(DATA SECTION)

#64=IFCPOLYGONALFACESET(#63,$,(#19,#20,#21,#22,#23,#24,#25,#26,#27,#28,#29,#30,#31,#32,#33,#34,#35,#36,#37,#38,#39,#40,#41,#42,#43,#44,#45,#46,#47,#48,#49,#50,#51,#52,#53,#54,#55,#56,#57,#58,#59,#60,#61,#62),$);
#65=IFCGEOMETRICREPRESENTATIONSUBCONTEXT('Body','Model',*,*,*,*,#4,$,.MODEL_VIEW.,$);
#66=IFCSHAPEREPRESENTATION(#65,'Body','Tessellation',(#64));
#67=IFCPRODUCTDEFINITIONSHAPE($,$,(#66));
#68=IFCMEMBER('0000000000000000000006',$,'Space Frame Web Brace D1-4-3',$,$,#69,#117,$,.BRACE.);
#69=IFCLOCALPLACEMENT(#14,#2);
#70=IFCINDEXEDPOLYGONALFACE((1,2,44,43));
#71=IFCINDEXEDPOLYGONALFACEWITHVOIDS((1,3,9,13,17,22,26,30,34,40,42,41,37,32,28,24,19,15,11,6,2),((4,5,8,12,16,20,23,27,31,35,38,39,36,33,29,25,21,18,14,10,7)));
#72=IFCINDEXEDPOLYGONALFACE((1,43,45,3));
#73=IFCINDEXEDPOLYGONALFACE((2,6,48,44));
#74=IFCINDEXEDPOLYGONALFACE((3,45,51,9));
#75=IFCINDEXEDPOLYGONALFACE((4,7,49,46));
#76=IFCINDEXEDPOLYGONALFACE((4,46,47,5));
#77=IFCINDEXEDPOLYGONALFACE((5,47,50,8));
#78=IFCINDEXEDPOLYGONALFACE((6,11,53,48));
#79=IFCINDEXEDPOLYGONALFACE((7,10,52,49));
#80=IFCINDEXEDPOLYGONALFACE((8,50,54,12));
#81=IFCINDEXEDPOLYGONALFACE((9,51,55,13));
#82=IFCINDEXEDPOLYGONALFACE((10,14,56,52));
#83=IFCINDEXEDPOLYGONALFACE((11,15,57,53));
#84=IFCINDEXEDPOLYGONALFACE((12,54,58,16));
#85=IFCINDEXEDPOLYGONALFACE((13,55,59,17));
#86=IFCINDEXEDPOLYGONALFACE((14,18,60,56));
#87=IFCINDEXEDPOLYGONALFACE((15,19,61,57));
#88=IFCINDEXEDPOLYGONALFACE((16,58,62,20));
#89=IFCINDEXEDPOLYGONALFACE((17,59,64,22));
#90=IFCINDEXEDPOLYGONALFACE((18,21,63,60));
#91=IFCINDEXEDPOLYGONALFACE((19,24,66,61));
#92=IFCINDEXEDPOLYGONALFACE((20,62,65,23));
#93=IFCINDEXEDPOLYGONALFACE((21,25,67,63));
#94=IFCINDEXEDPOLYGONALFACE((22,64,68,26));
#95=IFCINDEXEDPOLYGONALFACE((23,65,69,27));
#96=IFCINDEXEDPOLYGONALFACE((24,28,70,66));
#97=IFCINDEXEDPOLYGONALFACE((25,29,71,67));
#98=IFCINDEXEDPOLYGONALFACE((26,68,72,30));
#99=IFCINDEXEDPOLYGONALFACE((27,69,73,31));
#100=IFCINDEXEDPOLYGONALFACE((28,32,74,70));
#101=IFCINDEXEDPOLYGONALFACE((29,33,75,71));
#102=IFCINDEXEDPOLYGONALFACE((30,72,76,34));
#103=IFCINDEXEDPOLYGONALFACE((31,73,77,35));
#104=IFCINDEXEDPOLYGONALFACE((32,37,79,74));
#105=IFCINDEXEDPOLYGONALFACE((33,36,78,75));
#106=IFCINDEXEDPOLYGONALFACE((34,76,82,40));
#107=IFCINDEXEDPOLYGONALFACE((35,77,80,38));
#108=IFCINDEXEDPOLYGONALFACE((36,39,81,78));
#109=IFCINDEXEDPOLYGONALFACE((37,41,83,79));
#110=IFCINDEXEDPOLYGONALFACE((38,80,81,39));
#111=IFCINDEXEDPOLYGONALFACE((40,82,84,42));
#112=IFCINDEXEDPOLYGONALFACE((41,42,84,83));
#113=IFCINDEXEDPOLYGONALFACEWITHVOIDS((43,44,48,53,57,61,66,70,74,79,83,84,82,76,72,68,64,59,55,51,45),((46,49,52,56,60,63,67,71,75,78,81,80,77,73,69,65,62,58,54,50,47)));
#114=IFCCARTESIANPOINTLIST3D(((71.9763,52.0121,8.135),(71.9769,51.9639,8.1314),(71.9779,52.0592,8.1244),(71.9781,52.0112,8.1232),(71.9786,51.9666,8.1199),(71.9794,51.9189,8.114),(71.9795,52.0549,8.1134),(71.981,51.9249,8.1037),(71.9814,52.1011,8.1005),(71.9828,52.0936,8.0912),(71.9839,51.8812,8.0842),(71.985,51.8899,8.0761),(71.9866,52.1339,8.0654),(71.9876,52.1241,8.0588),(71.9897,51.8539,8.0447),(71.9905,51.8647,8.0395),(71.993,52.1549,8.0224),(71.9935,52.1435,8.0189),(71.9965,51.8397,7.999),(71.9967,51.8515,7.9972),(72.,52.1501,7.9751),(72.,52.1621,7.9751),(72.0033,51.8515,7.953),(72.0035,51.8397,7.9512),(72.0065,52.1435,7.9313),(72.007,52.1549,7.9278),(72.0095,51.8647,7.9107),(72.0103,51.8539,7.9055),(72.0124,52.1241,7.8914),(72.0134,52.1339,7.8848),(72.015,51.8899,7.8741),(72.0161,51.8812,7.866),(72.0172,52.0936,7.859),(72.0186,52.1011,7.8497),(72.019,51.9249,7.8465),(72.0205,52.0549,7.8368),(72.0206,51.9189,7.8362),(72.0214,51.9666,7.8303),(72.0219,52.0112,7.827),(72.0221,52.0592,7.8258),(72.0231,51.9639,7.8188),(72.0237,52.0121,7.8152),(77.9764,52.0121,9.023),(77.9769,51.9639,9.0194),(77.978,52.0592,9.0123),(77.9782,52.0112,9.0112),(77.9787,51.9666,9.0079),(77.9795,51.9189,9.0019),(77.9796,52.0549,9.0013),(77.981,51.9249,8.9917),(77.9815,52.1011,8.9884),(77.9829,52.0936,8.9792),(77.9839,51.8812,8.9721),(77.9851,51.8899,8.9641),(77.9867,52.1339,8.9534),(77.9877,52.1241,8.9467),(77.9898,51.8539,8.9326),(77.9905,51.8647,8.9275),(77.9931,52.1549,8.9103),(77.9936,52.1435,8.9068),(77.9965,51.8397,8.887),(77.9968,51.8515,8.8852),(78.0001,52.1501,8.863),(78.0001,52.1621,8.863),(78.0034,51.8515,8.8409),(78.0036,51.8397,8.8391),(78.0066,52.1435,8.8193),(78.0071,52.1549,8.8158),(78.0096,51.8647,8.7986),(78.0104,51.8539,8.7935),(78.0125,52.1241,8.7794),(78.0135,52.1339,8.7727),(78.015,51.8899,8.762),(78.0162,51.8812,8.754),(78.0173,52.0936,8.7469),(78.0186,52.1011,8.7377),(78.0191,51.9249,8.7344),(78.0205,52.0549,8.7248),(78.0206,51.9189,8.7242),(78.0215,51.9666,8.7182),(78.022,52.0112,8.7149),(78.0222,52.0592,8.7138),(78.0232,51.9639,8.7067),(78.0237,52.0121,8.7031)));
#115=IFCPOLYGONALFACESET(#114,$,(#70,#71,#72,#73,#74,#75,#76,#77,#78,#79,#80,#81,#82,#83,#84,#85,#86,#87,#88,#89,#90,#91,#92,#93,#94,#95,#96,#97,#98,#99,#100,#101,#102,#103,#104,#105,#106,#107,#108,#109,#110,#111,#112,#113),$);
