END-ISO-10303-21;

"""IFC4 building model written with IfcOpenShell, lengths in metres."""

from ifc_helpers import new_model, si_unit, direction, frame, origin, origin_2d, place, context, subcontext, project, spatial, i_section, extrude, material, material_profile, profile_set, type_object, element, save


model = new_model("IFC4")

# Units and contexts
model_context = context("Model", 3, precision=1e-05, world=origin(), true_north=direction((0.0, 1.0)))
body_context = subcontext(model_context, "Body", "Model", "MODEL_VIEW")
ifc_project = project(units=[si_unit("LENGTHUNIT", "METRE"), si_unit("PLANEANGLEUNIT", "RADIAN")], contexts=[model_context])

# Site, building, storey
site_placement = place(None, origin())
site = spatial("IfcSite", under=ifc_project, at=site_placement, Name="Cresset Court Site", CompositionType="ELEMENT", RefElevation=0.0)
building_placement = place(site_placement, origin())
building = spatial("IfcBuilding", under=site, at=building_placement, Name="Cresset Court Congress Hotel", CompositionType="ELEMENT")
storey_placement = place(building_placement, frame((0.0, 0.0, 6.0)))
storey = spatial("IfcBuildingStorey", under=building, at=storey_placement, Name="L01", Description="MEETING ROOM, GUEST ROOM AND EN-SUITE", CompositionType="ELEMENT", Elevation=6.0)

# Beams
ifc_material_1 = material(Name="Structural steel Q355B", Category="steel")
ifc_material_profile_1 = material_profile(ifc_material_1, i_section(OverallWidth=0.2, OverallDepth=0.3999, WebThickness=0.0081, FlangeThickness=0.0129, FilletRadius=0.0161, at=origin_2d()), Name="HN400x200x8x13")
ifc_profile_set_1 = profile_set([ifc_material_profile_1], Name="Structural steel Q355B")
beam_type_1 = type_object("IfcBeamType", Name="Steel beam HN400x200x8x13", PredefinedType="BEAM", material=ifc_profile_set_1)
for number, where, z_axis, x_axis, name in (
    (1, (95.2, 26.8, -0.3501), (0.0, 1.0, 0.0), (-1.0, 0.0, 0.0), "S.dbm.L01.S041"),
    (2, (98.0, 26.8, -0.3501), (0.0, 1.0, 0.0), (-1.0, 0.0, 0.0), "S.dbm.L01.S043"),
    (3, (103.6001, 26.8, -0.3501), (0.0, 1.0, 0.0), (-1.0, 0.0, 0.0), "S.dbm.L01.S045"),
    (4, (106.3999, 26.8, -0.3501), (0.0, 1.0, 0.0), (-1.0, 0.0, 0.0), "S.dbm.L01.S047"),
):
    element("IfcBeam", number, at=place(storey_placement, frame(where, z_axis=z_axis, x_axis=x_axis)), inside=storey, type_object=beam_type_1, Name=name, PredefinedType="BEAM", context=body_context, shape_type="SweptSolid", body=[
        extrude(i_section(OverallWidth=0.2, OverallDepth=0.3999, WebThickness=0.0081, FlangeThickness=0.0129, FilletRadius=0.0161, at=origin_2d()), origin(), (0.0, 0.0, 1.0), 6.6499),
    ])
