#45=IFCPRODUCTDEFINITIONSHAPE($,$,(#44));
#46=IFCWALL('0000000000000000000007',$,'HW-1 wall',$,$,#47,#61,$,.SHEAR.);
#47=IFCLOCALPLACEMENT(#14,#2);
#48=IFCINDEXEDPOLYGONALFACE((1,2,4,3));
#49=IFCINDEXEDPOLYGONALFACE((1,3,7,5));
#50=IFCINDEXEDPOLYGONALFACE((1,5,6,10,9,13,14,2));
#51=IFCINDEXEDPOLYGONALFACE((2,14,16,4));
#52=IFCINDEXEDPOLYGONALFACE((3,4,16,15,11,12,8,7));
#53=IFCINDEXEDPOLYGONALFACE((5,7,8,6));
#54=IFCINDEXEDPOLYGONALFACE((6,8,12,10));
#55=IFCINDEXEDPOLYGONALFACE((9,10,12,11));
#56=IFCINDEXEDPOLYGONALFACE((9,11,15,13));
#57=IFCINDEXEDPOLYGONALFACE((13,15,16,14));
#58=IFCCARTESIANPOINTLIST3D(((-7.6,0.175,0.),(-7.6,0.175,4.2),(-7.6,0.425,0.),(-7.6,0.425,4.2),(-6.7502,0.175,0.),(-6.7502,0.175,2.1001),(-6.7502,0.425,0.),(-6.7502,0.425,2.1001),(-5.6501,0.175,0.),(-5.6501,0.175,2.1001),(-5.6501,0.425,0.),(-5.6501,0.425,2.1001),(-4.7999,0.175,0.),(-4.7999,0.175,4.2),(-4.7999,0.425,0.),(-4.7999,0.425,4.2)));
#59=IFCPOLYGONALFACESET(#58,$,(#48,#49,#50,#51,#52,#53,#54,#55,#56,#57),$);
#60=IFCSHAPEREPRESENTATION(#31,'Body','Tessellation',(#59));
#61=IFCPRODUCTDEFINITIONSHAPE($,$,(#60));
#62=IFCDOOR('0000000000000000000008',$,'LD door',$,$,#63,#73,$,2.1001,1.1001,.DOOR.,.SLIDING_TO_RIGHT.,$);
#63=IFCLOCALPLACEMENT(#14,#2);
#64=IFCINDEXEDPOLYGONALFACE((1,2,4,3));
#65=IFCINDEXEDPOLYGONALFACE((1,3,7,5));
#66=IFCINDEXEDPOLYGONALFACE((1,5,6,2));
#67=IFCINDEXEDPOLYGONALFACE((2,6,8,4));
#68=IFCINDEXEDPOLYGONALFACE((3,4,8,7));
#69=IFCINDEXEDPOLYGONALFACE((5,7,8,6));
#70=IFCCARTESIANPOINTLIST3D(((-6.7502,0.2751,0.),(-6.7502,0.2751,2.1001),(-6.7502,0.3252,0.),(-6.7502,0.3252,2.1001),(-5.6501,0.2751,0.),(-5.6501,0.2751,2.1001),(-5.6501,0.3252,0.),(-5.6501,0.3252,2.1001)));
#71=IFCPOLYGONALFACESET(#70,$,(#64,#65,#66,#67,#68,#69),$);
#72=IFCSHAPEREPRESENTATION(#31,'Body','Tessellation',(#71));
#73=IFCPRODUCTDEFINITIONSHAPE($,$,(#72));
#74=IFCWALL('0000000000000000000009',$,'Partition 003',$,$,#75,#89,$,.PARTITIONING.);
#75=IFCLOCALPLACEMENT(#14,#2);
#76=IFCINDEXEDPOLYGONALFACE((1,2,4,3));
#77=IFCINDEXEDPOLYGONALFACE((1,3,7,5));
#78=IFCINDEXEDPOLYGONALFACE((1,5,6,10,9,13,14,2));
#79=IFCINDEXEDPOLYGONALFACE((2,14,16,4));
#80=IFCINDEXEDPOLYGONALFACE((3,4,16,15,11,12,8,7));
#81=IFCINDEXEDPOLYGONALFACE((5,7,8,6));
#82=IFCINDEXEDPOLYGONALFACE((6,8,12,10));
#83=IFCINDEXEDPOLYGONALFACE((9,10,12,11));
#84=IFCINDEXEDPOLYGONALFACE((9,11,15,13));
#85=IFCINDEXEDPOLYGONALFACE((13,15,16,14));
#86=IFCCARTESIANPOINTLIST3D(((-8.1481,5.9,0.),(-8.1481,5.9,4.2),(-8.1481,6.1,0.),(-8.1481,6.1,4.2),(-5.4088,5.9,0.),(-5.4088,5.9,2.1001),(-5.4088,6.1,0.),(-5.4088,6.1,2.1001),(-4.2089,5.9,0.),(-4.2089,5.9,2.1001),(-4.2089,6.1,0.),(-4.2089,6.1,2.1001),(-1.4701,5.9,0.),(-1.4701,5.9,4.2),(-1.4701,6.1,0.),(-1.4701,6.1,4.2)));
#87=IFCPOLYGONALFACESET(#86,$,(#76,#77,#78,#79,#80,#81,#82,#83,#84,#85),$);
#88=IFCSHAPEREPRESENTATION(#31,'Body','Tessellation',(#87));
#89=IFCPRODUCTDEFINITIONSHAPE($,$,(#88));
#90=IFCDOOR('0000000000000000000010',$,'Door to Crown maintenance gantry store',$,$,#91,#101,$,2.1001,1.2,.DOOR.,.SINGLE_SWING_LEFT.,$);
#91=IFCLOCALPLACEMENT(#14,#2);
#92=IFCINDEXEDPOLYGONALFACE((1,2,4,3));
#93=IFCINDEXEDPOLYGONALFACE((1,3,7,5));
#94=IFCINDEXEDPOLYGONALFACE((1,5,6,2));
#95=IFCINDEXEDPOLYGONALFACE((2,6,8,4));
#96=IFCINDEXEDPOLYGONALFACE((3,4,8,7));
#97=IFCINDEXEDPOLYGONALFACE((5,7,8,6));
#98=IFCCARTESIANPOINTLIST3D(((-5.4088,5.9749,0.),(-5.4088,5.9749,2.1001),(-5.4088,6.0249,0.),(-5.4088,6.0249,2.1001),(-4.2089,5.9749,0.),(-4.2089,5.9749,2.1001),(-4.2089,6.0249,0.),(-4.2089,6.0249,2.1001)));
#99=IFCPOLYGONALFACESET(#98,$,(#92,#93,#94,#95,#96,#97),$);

(End DATA SECTION)

### WORK INSTRUCTIONS
Show the lines of the entries that include the string "under", copying each in full.

### ANSWER TO THE EXERCISE
site = spatial("IfcSite", under=ifc_project, at=site_placement, Name="Cresset Court Site", CompositionType="ELEMENT", RefElevation=0.0)
building = spatial("IfcBuilding", under=site, at=building_placement, Name="Cresset Court Congress Hotel", CompositionType="ELEMENT")
storey = spatial("IfcBuildingStorey", under=building, at=storey_placement, Name="L01", Description="MEETING ROOM, GUEST ROOM AND EN-SUITE", CompositionType="ELEMENT", Elevation=6.0)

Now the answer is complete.